◆ MATERIAL SHOWN
==*==
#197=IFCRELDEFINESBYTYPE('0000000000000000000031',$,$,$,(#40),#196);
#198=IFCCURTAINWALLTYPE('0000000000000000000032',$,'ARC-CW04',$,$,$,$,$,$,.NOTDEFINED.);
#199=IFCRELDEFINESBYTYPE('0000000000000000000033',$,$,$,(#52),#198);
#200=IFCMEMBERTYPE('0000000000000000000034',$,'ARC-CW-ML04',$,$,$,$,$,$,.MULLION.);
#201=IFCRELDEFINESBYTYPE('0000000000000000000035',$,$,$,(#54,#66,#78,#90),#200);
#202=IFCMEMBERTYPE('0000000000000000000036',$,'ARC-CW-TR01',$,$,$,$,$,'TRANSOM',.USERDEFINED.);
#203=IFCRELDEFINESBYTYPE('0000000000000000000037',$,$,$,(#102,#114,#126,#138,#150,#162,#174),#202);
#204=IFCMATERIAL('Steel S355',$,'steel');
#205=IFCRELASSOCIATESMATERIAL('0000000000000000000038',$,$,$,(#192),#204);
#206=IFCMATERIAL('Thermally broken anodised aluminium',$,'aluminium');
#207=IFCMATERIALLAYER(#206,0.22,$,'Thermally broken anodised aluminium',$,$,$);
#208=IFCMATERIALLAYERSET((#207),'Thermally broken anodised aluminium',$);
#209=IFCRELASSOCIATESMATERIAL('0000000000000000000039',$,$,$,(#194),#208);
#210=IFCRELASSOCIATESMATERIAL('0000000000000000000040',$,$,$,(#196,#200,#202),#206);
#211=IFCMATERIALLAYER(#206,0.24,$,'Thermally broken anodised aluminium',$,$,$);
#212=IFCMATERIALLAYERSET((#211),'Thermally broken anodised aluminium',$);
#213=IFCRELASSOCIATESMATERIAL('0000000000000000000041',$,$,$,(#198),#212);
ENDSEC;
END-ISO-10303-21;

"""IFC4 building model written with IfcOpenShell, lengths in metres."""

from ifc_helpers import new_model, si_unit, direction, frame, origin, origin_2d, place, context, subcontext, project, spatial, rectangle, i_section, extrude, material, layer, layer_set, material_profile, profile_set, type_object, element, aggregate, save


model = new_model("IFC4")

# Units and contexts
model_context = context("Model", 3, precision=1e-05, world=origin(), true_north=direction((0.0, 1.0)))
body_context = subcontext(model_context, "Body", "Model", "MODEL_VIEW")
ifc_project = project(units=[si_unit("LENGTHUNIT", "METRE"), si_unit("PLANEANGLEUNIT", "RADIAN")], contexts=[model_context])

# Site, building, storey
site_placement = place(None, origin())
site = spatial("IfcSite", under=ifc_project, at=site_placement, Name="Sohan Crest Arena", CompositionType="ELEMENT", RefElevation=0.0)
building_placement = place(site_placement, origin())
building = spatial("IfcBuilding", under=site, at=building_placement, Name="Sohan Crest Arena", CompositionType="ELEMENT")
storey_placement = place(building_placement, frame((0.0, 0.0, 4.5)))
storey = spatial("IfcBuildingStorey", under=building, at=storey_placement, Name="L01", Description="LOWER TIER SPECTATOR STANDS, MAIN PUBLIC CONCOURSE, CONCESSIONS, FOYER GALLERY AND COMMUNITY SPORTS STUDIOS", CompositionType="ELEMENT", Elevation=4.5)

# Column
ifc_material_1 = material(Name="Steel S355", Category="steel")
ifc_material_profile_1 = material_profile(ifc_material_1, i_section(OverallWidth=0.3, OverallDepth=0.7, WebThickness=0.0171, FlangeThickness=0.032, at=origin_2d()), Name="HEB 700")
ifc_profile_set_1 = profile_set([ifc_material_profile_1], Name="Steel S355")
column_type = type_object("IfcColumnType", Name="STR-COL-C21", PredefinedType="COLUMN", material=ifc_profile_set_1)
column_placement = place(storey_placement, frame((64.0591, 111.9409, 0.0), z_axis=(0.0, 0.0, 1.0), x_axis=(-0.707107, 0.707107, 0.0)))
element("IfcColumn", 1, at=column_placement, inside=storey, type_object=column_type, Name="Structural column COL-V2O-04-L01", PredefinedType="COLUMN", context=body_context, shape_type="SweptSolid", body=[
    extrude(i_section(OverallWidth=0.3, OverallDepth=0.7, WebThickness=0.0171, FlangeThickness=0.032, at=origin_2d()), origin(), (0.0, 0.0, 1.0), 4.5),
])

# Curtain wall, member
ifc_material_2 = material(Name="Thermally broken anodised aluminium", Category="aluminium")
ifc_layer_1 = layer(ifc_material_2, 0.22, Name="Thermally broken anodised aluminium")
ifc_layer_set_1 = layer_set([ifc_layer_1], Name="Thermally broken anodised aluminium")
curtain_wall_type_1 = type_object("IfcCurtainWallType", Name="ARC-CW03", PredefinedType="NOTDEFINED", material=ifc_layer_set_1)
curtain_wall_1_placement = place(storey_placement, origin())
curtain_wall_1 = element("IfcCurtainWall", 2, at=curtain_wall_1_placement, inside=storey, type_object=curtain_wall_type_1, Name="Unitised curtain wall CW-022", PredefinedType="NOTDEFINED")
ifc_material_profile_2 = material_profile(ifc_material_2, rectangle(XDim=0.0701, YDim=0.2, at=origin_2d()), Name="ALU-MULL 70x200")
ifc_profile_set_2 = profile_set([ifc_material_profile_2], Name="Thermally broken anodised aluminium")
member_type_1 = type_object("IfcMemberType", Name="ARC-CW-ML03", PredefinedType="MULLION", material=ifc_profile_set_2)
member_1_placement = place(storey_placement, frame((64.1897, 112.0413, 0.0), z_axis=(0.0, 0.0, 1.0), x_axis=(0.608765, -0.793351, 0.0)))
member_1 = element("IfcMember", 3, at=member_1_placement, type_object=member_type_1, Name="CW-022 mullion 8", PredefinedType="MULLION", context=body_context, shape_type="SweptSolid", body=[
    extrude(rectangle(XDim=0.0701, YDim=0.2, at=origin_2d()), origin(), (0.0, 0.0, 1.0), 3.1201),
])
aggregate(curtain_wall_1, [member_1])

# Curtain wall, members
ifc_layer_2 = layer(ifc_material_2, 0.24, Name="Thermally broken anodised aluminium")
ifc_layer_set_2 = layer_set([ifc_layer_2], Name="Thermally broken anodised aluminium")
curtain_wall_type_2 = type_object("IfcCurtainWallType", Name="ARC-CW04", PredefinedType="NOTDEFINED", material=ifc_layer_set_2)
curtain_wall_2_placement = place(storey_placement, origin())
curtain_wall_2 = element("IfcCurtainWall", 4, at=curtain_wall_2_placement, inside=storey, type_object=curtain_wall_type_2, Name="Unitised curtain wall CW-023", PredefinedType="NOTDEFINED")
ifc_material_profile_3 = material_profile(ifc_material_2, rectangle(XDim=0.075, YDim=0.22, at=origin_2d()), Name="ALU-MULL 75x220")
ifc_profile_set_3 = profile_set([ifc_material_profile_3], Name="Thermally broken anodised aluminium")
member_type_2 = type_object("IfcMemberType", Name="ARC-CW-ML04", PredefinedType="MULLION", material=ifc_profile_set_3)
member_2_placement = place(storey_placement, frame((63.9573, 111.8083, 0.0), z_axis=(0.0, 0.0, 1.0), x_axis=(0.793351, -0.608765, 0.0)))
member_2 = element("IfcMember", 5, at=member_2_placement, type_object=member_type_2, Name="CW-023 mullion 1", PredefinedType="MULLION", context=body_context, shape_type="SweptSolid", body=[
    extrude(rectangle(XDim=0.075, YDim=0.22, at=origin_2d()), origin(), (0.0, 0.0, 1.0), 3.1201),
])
==*==
◆ TRY IT
Only an exact copy of the listing above, from its first line up to and including the line with "building model written", counts as the answer.

◆ OUTPUT OF THE EXERCISE
#197=IFCRELDEFINESBYTYPE('0000000000000000000031',$,$,$,(#40),#196);
#198=IFCCURTAINWALLTYPE('0000000000000000000032',$,'ARC-CW04',$,$,$,$,$,$,.NOTDEFINED.);
#199=IFCRELDEFINESBYTYPE('0000000000000000000033',$,$,$,(#52),#198);
#200=IFCMEMBERTYPE('0000000000000000000034',$,'ARC-CW-ML04',$,$,$,$,$,$,.MULLION.);
#201=IFCRELDEFINESBYTYPE('0000000000000000000035',$,$,$,(#54,#66,#78,#90),#200);
#202=IFCMEMBERTYPE('0000000000000000000036',$,'ARC-CW-TR01',$,$,$,$,$,'TRANSOM',.USERDEFINED.);
#203=IFCRELDEFINESBYTYPE('0000000000000000000037',$,$,$,(#102,#114,#126,#138,#150,#162,#174),#202);
#204=IFCMATERIAL('Steel S355',$,'steel');
#205=IFCRELASSOCIATESMATERIAL('0000000000000000000038',$,$,$,(#192),#204);
#206=IFCMATERIAL('Thermally broken anodised aluminium',$,'aluminium');
#207=IFCMATERIALLAYER(#206,0.22,$,'Thermally broken anodised aluminium',$,$,$);
#208=IFCMATERIALLAYERSET((#207),'Thermally broken anodised aluminium',$);
#209=IFCRELASSOCIATESMATERIAL('0000000000000000000039',$,$,$,(#194),#208);
#210=IFCRELASSOCIATESMATERIAL('0000000000000000000040',$,$,$,(#196,#200,#202),#206);
#211=IFCMATERIALLAYER(#206,0.24,$,'Thermally broken anodised aluminium',$,$,$);
#212=IFCMATERIALLAYERSET((#211),'Thermally broken anodised aluminium',$);
#213=IFCRELASSOCIATESMATERIAL('0000000000000000000041',$,$,$,(#198),#212);
ENDSEC;
END-ISO-10303-21;

"""IFC4 building model written with IfcOpenShell, lengths in metres."""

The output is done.